» **What is expected**
Look through the material below. Return exactly the lines from the one with "#66=IFCDOOR('0000000000000000000008',$,'T1 L04 Fire-fighting" through the one with "#77=IFCPRODUCTDEFINITIONSHAPE($,$,(#76));", both included.

==========

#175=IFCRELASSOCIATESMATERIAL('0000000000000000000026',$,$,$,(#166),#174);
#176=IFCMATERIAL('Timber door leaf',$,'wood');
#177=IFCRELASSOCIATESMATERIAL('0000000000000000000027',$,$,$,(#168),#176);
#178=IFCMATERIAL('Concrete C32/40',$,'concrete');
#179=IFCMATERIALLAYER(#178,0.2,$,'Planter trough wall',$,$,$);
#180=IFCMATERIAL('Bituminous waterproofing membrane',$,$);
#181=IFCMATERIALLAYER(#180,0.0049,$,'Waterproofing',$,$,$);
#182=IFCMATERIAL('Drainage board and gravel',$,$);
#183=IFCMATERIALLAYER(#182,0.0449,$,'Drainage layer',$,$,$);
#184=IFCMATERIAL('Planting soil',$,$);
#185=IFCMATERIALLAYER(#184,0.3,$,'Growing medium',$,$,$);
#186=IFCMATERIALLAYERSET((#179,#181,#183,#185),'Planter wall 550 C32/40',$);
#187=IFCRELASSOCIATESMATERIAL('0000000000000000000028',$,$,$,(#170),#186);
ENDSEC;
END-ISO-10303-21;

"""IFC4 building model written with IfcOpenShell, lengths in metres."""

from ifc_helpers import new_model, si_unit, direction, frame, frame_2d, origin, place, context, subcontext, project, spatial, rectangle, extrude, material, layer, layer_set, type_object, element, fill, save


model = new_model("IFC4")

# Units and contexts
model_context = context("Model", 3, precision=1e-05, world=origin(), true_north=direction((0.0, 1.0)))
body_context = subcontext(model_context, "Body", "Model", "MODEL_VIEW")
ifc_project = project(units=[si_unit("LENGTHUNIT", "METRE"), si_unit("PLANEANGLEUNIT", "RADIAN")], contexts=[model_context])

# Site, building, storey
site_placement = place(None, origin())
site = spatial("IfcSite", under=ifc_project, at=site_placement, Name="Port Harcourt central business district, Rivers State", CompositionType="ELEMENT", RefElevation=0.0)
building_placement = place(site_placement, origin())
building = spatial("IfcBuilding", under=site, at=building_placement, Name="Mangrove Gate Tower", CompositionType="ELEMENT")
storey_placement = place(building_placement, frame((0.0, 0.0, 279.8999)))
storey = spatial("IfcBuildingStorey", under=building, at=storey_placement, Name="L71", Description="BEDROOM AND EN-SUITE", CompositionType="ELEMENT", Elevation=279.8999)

==========

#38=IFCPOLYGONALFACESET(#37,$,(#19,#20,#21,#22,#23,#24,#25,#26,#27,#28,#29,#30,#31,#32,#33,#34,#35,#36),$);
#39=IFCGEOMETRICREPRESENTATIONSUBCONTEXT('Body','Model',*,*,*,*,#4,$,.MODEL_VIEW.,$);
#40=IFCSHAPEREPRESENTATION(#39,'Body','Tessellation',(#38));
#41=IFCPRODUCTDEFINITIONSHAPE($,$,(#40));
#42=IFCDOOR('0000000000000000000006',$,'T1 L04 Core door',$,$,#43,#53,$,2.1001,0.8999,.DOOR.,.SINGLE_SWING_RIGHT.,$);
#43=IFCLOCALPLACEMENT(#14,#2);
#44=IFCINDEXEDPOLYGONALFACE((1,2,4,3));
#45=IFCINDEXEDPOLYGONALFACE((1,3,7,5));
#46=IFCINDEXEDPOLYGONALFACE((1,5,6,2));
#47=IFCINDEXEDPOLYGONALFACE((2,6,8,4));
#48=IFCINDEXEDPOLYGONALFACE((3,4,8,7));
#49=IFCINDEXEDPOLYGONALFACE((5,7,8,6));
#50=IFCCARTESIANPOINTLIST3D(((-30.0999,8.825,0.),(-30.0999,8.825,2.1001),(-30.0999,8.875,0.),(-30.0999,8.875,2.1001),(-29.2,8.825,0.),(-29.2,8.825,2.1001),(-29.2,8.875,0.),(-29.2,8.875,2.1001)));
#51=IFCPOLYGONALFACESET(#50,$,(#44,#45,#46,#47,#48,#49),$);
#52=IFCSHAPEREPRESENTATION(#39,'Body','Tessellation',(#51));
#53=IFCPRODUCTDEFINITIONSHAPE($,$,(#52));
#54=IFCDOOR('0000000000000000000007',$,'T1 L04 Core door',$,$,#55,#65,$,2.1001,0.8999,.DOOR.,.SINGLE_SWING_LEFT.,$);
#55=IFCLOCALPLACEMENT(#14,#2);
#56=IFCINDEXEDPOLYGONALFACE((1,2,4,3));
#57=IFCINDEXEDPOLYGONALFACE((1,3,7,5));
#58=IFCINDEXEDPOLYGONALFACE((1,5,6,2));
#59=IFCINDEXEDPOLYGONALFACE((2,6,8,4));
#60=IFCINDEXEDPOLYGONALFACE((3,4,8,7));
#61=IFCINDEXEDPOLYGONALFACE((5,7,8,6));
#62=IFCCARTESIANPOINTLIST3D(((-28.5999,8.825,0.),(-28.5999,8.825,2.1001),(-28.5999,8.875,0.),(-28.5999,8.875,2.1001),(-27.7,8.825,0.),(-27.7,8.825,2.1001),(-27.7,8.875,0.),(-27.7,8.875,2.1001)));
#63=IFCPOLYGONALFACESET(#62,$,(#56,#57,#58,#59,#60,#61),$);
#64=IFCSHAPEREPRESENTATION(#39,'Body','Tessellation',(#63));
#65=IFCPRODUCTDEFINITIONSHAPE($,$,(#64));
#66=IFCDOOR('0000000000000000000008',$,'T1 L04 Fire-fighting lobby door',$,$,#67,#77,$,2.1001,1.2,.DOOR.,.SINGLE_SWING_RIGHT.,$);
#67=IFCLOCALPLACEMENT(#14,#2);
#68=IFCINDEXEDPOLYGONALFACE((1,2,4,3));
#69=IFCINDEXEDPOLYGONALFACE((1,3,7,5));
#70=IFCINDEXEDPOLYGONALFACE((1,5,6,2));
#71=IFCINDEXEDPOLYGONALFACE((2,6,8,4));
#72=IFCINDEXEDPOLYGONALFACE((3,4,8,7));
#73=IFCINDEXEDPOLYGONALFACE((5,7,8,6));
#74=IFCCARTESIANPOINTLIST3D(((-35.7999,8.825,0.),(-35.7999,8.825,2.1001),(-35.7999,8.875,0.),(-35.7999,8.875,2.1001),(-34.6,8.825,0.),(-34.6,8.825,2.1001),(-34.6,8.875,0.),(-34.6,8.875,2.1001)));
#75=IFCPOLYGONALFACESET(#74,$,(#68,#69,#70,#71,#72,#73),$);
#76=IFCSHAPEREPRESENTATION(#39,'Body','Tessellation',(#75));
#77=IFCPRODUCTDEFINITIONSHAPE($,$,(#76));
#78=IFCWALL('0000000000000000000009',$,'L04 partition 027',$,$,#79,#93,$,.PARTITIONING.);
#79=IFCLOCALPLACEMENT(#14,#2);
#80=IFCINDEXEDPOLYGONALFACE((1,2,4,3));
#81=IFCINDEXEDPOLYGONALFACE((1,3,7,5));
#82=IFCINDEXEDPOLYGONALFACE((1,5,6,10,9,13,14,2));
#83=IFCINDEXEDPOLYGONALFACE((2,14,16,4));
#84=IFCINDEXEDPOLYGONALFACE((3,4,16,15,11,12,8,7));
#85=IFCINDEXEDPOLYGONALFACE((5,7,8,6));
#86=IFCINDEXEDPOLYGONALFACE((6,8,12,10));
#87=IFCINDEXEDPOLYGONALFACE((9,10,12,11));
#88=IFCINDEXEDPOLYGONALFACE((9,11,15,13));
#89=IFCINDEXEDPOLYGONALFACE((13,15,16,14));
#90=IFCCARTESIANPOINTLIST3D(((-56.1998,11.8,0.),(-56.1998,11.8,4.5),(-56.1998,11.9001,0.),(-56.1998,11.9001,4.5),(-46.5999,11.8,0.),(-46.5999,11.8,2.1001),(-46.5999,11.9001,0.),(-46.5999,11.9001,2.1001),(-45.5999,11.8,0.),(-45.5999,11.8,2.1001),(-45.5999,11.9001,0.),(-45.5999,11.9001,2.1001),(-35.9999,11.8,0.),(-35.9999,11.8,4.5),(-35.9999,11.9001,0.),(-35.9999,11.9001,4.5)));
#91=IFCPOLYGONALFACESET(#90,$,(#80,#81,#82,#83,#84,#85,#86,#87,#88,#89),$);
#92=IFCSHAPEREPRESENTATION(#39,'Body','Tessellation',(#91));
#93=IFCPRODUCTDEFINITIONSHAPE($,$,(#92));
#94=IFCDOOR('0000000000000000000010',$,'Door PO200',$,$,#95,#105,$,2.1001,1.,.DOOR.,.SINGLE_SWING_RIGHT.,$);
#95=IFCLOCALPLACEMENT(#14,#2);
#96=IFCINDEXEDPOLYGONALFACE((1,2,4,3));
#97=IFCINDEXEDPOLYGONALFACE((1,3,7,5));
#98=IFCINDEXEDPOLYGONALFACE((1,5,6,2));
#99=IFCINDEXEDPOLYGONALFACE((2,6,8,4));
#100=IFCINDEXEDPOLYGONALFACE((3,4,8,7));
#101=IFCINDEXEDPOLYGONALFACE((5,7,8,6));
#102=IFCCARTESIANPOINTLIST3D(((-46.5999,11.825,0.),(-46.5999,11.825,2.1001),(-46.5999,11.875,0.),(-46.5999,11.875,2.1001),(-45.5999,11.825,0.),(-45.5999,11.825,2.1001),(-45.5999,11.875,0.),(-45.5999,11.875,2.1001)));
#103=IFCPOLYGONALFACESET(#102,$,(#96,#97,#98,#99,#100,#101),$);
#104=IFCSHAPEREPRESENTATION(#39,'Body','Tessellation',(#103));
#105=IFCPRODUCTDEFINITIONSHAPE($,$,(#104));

==========

» **Response**
#66=IFCDOOR('0000000000000000000008',$,'T1 L04 Fire-fighting lobby door',$,$,#67,#77,$,2.1001,1.2,.DOOR.,.SINGLE_SWING_RIGHT.,$);
#67=IFCLOCALPLACEMENT(#14,#2);
#68=IFCINDEXEDPOLYGONALFACE((1,2,4,3));
#69=IFCINDEXEDPOLYGONALFACE((1,3,7,5));
#70=IFCINDEXEDPOLYGONALFACE((1,5,6,2));
#71=IFCINDEXEDPOLYGONALFACE((2,6,8,4));
#72=IFCINDEXEDPOLYGONALFACE((3,4,8,7));
#73=IFCINDEXEDPOLYGONALFACE((5,7,8,6));
#74=IFCCARTESIANPOINTLIST3D(((-35.7999,8.825,0.),(-35.7999,8.825,2.1001),(-35.7999,8.875,0.),(-35.7999,8.875,2.1001),(-34.6,8.825,0.),(-34.6,8.825,2.1001),(-34.6,8.875,0.),(-34.6,8.875,2.1001)));
#75=IFCPOLYGONALFACESET(#74,$,(#68,#69,#70,#71,#72,#73),$);
#76=IFCSHAPEREPRESENTATION(#39,'Body','Tessellation',(#75));
#77=IFCPRODUCTDEFINITIONSHAPE($,$,(#76));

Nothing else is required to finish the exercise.